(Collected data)
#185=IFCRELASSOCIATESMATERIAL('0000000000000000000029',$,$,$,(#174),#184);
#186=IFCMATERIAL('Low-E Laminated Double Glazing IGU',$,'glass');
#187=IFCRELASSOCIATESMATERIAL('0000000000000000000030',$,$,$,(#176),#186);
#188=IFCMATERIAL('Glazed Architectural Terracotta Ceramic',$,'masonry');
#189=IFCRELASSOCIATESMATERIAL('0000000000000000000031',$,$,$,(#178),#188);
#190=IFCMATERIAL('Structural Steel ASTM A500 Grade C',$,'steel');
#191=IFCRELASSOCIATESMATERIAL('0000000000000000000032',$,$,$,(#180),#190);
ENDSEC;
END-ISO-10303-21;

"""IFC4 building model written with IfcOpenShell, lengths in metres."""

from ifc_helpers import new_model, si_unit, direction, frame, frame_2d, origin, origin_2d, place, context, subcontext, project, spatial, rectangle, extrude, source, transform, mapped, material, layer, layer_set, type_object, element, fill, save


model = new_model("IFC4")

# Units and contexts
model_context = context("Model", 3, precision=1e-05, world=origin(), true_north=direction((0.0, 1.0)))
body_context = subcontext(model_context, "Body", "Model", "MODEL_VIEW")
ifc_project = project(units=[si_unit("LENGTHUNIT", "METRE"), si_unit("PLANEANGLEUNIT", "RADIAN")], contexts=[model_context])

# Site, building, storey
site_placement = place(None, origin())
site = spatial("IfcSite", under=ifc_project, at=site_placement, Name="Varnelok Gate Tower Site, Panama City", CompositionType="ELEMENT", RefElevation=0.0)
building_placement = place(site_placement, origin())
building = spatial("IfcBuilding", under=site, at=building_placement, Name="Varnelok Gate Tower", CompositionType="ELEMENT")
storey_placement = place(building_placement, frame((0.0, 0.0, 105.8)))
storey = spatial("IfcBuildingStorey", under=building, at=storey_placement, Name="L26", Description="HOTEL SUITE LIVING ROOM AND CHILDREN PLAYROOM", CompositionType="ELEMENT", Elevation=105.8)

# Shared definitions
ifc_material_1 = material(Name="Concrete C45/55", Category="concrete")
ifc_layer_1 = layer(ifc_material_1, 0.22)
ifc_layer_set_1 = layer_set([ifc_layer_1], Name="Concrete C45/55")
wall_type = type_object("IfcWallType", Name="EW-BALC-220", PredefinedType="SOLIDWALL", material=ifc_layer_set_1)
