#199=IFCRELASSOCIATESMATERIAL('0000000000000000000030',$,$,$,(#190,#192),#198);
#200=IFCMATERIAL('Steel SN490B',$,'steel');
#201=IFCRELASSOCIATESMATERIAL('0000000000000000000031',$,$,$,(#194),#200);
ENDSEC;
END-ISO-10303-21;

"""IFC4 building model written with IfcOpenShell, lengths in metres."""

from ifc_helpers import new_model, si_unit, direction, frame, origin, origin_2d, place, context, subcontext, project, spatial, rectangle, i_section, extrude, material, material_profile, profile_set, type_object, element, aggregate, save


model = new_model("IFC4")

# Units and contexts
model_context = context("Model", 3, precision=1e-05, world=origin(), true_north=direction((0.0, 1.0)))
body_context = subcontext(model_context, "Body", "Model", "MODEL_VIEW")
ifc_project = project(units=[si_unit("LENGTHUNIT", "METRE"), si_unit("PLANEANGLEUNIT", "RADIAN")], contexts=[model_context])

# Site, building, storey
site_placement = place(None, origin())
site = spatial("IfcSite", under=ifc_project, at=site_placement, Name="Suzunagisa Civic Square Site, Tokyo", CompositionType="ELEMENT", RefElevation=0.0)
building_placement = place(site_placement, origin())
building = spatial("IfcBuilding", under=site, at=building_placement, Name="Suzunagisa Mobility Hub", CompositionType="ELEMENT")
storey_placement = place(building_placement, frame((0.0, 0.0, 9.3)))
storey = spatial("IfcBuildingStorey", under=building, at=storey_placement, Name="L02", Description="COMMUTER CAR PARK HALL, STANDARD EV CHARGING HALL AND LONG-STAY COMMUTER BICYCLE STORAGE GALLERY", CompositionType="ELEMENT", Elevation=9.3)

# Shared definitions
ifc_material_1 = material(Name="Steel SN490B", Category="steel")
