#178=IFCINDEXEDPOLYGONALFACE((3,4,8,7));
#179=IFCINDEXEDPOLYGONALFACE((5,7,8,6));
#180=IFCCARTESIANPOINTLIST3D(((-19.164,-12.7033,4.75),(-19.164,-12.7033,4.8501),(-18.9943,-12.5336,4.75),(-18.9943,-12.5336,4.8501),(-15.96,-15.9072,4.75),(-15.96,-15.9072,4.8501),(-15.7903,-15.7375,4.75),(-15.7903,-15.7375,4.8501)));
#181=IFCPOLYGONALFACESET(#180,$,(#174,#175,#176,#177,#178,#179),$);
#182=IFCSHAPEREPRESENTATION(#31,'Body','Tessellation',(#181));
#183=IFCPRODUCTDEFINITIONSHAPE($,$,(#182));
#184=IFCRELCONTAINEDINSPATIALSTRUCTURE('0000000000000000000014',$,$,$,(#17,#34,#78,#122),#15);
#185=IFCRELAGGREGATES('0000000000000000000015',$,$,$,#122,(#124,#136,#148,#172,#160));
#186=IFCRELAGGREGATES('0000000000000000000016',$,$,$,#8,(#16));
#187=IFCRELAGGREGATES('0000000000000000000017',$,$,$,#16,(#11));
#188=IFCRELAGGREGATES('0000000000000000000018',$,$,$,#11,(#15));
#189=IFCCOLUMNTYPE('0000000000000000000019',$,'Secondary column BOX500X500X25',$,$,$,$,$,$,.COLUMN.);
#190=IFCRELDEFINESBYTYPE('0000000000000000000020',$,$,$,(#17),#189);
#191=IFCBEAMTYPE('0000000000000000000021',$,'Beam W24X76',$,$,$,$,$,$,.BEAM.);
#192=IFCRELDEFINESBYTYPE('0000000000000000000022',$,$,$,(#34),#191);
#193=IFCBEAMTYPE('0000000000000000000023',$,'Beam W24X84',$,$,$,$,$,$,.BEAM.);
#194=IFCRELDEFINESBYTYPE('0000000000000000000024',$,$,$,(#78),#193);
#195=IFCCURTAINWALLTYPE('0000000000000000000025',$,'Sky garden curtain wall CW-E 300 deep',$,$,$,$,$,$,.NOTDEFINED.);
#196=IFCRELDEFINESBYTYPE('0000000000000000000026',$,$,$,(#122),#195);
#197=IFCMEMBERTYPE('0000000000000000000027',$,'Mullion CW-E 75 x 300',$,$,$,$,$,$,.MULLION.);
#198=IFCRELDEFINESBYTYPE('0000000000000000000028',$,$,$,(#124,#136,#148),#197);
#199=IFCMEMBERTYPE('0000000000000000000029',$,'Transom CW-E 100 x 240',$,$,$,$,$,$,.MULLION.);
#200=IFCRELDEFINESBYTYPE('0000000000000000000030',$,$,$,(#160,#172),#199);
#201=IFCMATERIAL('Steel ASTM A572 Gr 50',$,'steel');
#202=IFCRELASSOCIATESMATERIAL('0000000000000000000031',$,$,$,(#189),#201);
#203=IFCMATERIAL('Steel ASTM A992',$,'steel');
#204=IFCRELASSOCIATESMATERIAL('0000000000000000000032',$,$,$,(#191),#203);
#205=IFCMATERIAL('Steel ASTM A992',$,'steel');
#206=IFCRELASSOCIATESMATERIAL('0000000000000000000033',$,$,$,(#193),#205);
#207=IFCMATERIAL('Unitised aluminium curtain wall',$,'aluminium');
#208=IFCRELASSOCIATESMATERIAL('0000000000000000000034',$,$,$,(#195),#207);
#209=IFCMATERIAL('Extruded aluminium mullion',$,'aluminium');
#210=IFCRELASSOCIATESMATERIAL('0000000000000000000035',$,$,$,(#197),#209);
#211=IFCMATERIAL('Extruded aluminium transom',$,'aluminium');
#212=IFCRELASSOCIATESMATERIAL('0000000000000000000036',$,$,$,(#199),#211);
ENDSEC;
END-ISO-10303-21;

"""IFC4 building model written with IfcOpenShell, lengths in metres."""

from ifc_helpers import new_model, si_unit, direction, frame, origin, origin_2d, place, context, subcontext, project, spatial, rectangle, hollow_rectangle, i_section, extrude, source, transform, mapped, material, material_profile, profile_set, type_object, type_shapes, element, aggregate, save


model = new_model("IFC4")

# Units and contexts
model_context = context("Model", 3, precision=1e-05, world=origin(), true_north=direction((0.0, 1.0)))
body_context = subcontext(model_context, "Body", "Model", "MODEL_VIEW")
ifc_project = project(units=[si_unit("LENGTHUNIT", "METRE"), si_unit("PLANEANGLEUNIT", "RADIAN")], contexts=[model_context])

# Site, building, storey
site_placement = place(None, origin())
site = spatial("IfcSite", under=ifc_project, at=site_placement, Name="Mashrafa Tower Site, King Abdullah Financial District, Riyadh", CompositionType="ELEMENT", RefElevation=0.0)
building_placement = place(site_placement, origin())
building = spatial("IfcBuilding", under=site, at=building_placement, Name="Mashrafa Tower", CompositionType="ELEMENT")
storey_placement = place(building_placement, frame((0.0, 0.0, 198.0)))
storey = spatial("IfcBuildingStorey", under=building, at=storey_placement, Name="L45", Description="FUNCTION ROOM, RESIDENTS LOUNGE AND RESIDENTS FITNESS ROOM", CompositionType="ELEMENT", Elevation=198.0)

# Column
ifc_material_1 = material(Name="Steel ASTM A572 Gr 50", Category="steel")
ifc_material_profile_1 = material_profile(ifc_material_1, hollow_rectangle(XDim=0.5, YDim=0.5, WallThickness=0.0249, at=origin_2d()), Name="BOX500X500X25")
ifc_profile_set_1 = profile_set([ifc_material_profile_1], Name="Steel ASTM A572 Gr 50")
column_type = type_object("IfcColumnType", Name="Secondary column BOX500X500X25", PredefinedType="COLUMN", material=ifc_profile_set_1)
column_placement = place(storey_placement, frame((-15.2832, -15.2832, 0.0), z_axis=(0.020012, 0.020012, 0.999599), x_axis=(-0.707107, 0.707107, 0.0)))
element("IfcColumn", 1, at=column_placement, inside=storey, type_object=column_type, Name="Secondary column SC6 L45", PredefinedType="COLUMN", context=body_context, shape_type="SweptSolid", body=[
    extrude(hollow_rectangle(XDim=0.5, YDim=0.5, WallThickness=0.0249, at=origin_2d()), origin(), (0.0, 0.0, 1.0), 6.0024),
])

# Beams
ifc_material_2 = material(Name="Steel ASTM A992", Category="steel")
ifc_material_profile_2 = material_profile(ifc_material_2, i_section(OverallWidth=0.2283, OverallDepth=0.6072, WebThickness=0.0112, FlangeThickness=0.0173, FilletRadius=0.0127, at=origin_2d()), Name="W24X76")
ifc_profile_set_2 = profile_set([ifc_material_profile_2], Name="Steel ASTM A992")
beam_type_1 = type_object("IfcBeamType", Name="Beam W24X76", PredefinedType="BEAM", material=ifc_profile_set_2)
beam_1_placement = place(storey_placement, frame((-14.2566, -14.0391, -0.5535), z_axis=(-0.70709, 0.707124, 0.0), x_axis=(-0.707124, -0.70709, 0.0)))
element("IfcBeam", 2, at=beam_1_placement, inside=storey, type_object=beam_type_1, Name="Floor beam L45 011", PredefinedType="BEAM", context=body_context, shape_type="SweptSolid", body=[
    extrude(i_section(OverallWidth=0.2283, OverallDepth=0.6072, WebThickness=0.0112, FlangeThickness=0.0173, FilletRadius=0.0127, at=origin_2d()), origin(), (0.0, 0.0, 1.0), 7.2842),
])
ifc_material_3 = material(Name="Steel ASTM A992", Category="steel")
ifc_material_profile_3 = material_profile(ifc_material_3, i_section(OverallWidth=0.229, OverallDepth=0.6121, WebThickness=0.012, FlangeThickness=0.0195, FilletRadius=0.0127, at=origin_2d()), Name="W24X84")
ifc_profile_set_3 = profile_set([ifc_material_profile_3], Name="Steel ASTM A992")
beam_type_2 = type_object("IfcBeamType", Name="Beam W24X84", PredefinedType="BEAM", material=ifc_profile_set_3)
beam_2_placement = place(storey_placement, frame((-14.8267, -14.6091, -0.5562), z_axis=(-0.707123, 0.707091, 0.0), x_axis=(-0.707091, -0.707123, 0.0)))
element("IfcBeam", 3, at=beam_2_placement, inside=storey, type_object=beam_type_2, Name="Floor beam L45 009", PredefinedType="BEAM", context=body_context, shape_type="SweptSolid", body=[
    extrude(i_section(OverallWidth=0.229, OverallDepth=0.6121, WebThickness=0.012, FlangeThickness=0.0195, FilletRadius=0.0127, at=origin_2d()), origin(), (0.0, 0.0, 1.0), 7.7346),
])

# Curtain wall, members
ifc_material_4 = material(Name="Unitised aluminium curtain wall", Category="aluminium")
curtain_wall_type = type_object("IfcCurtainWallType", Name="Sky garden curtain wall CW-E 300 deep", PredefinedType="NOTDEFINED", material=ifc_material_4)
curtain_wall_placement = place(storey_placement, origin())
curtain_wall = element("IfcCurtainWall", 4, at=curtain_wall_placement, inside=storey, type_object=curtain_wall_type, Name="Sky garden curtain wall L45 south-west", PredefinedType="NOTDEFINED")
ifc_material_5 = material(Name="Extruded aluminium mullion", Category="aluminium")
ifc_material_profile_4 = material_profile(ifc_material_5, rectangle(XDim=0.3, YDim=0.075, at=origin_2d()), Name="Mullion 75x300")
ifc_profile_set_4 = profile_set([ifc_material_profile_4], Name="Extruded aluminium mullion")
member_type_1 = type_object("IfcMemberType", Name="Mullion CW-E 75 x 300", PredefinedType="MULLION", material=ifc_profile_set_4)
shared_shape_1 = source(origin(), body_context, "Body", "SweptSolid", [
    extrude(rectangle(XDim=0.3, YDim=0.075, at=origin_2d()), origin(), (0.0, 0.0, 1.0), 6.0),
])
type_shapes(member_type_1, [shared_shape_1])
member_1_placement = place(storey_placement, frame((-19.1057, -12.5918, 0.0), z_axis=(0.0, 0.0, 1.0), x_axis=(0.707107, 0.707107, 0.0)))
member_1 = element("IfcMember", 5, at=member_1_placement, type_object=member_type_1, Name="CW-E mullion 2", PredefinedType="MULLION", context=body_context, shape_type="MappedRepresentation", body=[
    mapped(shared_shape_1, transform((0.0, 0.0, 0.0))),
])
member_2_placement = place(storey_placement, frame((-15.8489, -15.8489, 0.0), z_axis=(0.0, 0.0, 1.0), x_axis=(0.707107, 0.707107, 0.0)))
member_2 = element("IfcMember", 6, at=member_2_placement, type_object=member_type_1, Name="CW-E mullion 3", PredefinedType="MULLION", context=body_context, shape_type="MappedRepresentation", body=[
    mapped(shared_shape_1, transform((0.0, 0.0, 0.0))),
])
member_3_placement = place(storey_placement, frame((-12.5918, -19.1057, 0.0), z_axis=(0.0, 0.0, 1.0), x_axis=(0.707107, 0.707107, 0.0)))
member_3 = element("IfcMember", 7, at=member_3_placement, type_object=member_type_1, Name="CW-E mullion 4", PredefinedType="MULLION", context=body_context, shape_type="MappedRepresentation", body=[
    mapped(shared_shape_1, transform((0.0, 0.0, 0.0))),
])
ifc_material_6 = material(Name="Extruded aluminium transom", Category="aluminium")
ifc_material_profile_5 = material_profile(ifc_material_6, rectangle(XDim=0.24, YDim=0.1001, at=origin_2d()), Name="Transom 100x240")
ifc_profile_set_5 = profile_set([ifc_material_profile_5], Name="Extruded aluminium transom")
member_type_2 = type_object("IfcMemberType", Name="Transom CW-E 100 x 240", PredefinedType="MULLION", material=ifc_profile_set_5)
...
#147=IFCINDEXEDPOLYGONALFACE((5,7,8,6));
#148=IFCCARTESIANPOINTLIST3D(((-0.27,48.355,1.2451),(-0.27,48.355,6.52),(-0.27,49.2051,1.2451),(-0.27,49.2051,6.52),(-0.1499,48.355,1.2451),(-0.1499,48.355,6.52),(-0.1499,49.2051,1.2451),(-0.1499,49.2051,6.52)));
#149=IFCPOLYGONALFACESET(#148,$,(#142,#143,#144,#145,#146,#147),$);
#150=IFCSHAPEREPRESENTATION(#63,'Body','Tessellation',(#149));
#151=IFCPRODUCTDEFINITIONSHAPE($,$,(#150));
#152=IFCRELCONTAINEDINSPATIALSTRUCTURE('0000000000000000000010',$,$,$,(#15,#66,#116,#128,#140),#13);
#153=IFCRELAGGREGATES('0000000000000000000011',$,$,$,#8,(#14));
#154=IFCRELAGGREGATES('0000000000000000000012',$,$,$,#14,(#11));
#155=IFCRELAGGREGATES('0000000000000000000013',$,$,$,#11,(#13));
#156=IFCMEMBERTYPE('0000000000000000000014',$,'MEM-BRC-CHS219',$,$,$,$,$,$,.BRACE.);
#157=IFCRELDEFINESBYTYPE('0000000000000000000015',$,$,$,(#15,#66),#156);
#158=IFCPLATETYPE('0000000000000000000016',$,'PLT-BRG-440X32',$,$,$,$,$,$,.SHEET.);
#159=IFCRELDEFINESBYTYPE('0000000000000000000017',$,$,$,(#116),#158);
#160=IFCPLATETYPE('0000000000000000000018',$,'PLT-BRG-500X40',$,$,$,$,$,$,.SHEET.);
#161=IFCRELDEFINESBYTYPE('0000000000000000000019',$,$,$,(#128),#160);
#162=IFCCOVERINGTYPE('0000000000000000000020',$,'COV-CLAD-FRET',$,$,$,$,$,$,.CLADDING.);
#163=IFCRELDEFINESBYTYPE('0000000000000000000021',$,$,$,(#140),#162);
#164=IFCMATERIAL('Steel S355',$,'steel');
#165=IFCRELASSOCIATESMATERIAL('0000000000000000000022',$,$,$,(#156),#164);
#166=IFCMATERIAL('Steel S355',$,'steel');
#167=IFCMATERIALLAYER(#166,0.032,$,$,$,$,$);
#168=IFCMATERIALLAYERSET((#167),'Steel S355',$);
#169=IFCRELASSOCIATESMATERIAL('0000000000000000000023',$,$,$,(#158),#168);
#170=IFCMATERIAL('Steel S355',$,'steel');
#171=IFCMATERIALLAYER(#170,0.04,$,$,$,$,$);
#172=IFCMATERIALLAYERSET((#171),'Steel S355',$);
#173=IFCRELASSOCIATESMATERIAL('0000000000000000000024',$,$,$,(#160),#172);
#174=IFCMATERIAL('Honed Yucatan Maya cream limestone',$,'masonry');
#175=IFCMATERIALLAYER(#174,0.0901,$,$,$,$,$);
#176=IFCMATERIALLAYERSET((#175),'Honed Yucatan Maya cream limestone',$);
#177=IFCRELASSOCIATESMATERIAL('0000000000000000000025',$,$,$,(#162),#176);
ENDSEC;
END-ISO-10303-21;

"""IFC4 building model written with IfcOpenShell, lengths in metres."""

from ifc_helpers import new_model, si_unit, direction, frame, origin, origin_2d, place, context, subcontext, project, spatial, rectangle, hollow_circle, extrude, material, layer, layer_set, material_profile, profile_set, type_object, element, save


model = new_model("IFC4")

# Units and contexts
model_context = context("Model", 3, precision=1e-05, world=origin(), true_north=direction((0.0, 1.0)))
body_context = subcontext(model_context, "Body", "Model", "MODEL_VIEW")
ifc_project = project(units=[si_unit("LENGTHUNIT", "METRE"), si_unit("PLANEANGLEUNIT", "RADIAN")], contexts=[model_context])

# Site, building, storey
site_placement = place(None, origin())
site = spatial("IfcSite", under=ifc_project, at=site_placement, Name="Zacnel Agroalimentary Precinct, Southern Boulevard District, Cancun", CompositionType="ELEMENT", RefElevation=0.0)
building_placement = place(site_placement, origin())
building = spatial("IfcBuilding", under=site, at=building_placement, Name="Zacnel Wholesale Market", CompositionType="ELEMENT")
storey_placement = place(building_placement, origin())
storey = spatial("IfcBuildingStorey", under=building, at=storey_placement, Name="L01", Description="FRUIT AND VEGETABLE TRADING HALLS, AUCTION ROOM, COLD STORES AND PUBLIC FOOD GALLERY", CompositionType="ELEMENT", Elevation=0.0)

Task objective: Among the entries, work out how many lines include the word "IFCPOLYGONALFACESET". Answer with that number only.

Response below: 2